[Stored data]
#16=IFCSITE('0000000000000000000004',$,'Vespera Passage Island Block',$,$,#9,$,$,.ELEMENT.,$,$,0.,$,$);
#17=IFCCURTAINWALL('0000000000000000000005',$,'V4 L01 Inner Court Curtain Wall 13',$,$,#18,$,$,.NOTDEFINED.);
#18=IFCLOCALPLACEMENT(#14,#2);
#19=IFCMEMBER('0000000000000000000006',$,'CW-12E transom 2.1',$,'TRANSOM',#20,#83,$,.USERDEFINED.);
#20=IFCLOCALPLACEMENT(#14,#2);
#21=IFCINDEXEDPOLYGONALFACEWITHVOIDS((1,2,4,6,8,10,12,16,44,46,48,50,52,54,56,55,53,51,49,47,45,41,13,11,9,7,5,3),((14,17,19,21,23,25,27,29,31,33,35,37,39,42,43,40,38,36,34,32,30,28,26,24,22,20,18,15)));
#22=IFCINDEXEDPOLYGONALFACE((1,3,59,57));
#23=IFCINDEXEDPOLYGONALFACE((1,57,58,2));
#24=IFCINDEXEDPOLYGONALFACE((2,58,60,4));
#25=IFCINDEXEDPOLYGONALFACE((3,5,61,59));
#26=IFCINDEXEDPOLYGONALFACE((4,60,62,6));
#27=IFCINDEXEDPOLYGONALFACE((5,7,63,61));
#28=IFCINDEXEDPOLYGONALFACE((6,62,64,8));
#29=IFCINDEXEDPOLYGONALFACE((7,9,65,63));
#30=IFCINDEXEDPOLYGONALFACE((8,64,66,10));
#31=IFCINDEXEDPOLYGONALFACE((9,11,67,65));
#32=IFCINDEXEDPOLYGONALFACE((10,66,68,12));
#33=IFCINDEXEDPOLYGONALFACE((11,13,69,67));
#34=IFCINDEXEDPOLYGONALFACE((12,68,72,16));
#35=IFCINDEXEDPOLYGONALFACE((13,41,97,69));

▸ WHAT YOU NEED TO DO
Word for word, repeat the line holding "#34=IFCINDEXEDPOLYGONALFACE((12,68,72,16));" and all lines after it through the end of the entries above.

▸ ANSWER
#34=IFCINDEXEDPOLYGONALFACE((12,68,72,16));
#35=IFCINDEXEDPOLYGONALFACE((13,41,97,69));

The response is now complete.